Saved entries:
..........
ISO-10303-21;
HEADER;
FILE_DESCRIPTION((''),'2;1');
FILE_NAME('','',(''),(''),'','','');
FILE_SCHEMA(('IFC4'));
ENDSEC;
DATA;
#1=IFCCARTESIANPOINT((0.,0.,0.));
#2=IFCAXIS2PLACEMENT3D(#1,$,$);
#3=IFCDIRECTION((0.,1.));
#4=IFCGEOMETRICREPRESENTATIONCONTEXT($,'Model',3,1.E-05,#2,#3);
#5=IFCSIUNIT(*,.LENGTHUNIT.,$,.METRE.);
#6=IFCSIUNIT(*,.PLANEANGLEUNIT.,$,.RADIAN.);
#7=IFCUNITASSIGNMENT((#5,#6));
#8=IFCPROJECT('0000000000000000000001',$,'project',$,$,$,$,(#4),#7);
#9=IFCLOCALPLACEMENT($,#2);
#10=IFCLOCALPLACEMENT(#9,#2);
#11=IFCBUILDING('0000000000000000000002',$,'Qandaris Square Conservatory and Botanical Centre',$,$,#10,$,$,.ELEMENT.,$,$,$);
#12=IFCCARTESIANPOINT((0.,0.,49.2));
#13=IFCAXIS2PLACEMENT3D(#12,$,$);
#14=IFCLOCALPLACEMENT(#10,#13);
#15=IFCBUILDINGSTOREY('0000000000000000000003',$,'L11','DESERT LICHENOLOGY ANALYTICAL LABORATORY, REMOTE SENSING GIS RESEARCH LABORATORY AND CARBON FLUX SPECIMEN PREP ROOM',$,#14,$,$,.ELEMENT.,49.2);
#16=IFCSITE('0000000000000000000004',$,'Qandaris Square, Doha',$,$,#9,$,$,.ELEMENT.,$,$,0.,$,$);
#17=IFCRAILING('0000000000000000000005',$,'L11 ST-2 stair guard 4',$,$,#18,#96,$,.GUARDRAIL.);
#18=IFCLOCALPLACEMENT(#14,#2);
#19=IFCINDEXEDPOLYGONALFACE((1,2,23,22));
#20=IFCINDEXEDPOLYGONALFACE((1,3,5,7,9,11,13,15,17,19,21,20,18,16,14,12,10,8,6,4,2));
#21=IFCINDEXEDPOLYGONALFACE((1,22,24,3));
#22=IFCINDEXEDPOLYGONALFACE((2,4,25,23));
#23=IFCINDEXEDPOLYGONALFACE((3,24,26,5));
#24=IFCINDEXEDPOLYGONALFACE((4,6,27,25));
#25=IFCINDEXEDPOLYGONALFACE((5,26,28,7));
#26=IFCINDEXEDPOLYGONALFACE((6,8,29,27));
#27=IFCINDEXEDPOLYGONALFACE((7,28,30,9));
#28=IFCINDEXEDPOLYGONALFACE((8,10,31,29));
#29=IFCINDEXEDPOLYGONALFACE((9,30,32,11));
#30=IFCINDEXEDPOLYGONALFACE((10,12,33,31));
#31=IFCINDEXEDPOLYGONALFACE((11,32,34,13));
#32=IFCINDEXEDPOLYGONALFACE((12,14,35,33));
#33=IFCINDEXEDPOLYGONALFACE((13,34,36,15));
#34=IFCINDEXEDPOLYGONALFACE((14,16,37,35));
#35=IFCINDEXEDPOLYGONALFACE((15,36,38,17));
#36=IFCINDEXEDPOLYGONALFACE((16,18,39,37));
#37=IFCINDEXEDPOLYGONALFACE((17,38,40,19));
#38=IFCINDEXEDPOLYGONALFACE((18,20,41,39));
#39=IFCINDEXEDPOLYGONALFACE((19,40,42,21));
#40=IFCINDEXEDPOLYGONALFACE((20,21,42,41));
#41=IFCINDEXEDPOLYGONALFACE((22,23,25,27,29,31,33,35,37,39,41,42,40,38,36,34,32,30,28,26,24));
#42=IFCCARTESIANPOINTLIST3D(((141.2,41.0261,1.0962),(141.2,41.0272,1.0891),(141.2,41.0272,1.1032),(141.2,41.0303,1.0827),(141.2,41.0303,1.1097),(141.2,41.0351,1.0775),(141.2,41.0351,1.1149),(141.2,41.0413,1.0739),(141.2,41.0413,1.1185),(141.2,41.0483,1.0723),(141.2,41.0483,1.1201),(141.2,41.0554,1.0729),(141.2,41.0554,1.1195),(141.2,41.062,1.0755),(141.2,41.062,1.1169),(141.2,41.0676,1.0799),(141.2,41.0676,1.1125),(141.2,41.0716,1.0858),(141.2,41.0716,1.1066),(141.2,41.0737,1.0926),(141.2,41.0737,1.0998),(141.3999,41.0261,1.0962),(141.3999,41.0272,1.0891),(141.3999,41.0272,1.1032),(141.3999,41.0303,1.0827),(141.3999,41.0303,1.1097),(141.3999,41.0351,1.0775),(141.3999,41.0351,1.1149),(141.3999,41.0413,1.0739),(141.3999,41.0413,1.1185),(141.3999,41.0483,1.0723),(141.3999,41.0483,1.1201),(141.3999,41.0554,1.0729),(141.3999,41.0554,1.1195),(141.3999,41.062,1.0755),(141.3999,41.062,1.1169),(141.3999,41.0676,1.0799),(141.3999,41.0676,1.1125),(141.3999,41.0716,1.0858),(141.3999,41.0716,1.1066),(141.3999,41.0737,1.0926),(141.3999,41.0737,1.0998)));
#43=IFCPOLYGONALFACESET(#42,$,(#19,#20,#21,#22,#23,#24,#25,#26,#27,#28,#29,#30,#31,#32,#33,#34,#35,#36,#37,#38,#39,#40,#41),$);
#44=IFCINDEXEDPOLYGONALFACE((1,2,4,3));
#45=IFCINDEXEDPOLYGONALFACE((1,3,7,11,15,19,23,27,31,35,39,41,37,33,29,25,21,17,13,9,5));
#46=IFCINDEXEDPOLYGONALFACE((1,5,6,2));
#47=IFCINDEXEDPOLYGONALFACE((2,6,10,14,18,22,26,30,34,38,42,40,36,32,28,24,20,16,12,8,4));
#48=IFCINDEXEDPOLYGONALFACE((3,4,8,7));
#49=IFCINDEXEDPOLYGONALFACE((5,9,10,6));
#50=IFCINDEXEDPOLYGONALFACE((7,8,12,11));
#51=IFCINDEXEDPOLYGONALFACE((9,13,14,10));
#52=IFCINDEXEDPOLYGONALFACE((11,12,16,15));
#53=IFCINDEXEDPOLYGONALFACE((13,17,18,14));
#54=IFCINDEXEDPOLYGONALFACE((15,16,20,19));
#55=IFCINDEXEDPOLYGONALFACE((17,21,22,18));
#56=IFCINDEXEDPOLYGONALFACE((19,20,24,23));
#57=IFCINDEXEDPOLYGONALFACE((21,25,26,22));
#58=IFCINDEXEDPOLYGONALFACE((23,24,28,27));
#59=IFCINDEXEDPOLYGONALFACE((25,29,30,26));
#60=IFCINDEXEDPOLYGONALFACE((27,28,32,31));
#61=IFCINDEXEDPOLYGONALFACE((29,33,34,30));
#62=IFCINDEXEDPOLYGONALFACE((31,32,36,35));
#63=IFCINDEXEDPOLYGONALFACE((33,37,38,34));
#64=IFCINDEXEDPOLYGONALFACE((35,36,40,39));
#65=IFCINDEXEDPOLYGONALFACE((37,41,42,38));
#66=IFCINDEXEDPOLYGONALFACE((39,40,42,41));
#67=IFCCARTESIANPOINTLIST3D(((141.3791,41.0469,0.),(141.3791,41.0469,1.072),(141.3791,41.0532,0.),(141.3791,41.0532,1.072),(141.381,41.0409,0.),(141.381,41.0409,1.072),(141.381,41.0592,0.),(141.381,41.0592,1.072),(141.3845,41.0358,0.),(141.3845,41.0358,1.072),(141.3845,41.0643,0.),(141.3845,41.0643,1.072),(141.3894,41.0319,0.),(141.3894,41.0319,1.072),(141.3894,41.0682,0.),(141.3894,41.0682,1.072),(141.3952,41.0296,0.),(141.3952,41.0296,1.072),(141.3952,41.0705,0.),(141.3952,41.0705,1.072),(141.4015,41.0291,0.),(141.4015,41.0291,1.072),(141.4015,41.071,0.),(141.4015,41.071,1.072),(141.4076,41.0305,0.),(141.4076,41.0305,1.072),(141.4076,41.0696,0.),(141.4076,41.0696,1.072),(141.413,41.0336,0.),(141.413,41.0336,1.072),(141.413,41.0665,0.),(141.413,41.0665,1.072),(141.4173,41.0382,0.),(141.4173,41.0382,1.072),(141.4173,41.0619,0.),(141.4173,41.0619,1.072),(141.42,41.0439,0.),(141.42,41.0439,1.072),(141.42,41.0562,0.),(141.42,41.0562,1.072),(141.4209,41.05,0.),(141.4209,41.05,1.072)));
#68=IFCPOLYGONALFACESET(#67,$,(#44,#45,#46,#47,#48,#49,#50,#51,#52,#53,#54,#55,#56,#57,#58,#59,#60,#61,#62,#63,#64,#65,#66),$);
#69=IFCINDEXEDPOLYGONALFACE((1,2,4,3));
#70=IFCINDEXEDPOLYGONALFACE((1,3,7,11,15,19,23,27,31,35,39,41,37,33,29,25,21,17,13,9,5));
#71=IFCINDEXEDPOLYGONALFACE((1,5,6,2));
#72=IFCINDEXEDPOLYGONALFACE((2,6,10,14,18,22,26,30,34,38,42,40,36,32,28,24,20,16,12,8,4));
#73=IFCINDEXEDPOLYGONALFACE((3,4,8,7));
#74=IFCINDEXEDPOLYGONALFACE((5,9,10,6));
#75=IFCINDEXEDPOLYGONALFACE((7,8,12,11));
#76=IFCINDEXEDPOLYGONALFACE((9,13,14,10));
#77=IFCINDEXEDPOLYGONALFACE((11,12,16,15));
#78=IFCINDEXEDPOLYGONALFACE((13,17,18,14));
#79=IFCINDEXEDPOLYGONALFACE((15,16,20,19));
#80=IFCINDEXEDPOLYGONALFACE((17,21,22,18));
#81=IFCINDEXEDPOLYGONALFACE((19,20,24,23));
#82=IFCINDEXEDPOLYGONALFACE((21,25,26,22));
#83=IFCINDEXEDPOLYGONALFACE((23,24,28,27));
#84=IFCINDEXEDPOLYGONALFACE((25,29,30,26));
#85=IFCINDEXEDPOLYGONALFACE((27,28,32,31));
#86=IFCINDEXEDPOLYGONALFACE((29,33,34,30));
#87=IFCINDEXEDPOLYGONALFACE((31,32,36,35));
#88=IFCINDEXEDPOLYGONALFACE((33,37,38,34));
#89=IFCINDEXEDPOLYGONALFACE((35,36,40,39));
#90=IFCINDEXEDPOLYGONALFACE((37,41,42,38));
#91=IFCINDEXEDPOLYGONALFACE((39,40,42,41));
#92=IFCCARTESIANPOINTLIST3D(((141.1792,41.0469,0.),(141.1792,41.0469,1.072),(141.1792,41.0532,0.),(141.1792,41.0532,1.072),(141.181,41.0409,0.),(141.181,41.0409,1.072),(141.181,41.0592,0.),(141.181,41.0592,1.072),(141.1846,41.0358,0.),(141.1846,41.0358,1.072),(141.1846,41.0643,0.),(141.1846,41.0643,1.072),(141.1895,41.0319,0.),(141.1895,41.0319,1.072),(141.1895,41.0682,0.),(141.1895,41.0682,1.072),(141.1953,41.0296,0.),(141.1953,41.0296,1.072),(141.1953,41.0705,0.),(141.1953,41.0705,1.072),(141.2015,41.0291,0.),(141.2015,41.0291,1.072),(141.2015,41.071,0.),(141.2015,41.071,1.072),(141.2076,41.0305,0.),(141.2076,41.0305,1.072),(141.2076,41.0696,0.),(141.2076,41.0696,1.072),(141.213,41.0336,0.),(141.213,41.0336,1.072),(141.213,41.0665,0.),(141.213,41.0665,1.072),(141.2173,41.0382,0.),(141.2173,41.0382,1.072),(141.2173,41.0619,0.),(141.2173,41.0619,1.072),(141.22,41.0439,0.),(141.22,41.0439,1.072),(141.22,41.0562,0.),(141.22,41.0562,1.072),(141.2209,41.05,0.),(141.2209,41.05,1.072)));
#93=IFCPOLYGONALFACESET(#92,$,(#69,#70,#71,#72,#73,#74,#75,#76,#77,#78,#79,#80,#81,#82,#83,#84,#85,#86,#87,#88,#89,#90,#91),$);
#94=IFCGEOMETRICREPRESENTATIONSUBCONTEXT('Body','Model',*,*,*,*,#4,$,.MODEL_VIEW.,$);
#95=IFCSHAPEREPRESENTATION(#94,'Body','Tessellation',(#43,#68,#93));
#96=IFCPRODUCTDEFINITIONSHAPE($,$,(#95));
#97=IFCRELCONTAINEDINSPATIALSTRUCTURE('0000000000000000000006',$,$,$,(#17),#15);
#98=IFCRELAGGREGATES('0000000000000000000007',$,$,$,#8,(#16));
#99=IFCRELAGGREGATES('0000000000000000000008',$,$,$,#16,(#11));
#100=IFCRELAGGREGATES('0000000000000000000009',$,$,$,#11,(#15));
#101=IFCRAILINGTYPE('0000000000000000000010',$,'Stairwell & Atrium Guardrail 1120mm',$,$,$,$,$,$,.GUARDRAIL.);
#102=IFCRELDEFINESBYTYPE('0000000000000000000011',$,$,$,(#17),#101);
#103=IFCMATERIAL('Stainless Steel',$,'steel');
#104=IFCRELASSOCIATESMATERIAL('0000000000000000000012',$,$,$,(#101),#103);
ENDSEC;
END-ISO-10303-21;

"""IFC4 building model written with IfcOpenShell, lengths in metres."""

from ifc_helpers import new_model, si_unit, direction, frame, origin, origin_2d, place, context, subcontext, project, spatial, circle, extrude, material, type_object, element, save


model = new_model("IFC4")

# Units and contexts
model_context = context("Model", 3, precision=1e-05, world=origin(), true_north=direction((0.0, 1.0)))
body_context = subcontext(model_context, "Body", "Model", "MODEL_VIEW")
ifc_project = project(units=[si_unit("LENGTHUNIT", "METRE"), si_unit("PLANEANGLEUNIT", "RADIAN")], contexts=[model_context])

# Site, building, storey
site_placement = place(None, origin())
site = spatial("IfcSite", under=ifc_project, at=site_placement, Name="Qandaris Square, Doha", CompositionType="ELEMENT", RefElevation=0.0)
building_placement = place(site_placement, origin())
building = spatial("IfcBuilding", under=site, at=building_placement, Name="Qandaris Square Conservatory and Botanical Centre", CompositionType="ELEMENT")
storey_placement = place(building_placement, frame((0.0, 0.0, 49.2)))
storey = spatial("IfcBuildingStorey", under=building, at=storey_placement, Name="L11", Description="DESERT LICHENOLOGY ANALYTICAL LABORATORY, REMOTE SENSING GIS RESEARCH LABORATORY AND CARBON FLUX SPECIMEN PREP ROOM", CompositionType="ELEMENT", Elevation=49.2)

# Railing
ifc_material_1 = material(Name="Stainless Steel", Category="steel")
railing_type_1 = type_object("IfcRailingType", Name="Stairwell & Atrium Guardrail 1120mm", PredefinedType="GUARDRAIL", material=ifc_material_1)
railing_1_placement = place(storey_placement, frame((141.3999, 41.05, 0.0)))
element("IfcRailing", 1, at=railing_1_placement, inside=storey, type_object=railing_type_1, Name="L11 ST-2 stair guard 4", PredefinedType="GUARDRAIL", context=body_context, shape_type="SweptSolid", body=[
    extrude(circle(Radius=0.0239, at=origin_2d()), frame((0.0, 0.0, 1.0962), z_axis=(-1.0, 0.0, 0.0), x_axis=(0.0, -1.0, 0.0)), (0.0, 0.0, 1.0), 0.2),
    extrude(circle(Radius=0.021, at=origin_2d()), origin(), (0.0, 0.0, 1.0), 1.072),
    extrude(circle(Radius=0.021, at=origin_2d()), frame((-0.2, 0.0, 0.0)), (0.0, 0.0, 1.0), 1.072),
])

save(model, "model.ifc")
..........
## AIM OF THE TASK
Could you restate word for word the lines above, from the one that contains "FILE_SCHEMA(('IFC4'));" through the one that contains "#21=IFCINDEXEDPOLYGONALFACE((1,22,24,3));", and no others?

## RESPONSE BELOW
FILE_SCHEMA(('IFC4'));
ENDSEC;
DATA;
#1=IFCCARTESIANPOINT((0.,0.,0.));
#2=IFCAXIS2PLACEMENT3D(#1,$,$);
#3=IFCDIRECTION((0.,1.));
#4=IFCGEOMETRICREPRESENTATIONCONTEXT($,'Model',3,1.E-05,#2,#3);
#5=IFCSIUNIT(*,.LENGTHUNIT.,$,.METRE.);
#6=IFCSIUNIT(*,.PLANEANGLEUNIT.,$,.RADIAN.);
#7=IFCUNITASSIGNMENT((#5,#6));
#8=IFCPROJECT('0000000000000000000001',$,'project',$,$,$,$,(#4),#7);
#9=IFCLOCALPLACEMENT($,#2);
#10=IFCLOCALPLACEMENT(#9,#2);
#11=IFCBUILDING('0000000000000000000002',$,'Qandaris Square Conservatory and Botanical Centre',$,$,#10,$,$,.ELEMENT.,$,$,$);
#12=IFCCARTESIANPOINT((0.,0.,49.2));
#13=IFCAXIS2PLACEMENT3D(#12,$,$);
#14=IFCLOCALPLACEMENT(#10,#13);
#15=IFCBUILDINGSTOREY('0000000000000000000003',$,'L11','DESERT LICHENOLOGY ANALYTICAL LABORATORY, REMOTE SENSING GIS RESEARCH LABORATORY AND CARBON FLUX SPECIMEN PREP ROOM',$,#14,$,$,.ELEMENT.,49.2);
#16=IFCSITE('0000000000000000000004',$,'Qandaris Square, Doha',$,$,#9,$,$,.ELEMENT.,$,$,0.,$,$);
#17=IFCRAILING('0000000000000000000005',$,'L11 ST-2 stair guard 4',$,$,#18,#96,$,.GUARDRAIL.);
#18=IFCLOCALPLACEMENT(#14,#2);
#19=IFCINDEXEDPOLYGONALFACE((1,2,23,22));
#20=IFCINDEXEDPOLYGONALFACE((1,3,5,7,9,11,13,15,17,19,21,20,18,16,14,12,10,8,6,4,2));
#21=IFCINDEXEDPOLYGONALFACE((1,22,24,3));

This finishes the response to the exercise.